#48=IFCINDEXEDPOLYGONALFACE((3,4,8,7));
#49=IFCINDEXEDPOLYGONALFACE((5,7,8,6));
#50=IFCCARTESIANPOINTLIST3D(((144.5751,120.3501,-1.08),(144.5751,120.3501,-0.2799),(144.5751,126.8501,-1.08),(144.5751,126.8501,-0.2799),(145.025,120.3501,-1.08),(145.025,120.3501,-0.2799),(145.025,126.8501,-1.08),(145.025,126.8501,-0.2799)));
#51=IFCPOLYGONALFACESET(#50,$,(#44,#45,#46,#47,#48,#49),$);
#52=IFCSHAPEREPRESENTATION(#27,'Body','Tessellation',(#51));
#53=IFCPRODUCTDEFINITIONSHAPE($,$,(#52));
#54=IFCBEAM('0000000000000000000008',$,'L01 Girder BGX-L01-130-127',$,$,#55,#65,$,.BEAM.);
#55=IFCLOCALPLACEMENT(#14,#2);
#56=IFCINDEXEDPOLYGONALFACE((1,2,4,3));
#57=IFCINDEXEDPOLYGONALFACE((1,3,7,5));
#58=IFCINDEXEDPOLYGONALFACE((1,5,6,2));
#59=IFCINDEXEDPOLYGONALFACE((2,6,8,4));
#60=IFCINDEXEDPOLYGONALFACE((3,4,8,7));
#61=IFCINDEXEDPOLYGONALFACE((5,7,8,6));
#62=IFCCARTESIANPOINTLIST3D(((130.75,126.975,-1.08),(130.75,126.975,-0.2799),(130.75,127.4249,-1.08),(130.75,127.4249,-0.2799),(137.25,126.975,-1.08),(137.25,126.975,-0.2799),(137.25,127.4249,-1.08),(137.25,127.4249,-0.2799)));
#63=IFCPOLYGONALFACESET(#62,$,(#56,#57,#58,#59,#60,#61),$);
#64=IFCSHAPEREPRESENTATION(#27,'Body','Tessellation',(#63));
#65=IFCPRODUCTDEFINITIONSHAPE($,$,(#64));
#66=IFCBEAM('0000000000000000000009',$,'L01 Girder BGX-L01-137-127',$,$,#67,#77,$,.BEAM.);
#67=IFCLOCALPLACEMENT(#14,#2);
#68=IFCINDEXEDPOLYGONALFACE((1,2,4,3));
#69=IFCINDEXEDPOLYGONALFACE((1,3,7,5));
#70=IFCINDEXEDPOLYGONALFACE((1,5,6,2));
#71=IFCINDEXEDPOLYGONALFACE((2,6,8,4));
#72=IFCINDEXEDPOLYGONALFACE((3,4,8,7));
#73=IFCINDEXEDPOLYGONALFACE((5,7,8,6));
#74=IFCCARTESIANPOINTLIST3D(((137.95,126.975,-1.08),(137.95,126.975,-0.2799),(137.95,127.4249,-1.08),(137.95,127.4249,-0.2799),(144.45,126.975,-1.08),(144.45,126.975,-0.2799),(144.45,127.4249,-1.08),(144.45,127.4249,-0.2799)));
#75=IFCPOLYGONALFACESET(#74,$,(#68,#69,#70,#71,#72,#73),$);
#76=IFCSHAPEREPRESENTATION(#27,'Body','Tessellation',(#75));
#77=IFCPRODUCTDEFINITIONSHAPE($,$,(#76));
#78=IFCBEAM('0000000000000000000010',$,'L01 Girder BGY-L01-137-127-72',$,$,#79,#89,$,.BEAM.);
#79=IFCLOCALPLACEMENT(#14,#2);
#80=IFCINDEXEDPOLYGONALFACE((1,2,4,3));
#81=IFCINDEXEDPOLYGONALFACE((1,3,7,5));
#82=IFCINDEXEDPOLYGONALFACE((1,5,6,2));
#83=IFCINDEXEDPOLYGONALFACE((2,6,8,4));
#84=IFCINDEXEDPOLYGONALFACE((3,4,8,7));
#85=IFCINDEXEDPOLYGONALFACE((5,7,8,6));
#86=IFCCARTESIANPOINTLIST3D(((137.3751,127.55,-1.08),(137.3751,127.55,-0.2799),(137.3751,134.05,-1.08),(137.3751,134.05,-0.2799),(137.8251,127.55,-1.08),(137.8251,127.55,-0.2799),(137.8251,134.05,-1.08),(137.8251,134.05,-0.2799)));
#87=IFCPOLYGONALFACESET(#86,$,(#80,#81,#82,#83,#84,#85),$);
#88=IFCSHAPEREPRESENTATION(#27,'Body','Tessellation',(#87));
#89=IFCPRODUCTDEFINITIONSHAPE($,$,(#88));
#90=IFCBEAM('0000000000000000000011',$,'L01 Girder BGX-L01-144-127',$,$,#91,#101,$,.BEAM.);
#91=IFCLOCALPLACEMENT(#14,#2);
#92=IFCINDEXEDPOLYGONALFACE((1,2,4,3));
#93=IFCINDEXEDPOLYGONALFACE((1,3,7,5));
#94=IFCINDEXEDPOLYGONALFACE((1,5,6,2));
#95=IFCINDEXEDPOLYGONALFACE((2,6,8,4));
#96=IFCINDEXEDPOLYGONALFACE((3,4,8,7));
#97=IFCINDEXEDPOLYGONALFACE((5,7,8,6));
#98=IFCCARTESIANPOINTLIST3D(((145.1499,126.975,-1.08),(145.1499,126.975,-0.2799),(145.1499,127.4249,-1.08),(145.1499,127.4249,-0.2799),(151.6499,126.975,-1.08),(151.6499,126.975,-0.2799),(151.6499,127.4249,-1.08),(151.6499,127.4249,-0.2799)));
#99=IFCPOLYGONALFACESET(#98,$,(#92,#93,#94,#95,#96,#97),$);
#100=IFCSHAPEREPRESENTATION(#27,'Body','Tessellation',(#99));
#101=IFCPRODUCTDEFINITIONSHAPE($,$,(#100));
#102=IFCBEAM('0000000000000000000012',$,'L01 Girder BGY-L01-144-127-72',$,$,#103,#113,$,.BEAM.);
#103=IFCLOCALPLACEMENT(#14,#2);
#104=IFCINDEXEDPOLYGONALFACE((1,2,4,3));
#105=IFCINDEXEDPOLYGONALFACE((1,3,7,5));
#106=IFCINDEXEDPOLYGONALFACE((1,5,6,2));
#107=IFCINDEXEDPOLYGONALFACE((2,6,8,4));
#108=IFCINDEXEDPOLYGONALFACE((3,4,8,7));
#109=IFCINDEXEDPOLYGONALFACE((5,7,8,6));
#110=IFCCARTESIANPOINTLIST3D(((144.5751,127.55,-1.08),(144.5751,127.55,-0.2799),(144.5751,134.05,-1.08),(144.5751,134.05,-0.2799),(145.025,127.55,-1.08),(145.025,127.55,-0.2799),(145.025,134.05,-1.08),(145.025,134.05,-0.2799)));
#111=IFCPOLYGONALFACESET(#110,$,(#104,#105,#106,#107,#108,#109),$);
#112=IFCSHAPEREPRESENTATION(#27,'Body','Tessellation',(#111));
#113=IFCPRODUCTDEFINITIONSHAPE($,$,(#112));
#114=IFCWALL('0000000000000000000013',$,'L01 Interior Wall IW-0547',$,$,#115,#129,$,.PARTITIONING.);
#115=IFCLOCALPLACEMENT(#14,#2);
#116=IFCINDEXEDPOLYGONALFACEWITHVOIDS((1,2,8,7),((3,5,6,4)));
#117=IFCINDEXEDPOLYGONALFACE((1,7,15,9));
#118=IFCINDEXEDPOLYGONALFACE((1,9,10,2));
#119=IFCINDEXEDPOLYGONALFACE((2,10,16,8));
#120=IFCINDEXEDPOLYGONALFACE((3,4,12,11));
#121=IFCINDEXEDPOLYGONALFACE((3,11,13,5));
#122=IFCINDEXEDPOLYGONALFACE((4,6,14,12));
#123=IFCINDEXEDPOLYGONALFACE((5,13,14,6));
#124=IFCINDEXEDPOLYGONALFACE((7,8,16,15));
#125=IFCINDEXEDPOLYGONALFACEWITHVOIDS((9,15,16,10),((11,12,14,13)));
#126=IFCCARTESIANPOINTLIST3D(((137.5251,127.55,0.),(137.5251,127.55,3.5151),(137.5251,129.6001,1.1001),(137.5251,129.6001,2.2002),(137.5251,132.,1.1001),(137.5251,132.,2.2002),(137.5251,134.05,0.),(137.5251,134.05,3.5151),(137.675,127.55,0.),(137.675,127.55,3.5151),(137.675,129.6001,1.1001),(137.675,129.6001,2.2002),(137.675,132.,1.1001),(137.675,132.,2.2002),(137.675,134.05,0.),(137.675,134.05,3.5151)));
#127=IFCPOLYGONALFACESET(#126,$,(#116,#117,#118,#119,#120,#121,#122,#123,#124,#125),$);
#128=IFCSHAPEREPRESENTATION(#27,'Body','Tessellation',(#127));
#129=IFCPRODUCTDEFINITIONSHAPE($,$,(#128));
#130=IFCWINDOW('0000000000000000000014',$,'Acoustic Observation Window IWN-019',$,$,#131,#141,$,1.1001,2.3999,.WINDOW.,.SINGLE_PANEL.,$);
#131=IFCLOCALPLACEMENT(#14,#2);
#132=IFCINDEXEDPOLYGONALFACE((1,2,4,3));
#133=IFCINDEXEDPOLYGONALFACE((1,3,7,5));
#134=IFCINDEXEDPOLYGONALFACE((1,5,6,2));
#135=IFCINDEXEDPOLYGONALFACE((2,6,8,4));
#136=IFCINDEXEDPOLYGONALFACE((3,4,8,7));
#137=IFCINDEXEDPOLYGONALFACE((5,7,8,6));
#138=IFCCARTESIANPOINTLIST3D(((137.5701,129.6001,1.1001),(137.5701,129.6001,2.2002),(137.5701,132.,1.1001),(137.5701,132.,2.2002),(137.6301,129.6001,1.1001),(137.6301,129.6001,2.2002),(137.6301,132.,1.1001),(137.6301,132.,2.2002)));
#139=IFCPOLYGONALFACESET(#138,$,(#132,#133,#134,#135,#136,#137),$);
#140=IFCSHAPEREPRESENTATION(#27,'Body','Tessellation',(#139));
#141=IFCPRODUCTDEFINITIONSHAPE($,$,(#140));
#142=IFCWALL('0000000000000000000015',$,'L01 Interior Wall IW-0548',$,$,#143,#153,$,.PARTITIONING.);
########
Try it
Among the entries above, copy exactly only the lines starting with the one containing "#83=IFCINDEXEDPOLYGONALFACE((2,6,8,4));" and going through the one containing "#85=IFCINDEXEDPOLYGONALFACE((5,7,8,6));", both ends included.

Result of the exercise
#83=IFCINDEXEDPOLYGONALFACE((2,6,8,4));
#84=IFCINDEXEDPOLYGONALFACE((3,4,8,7));
#85=IFCINDEXEDPOLYGONALFACE((5,7,8,6));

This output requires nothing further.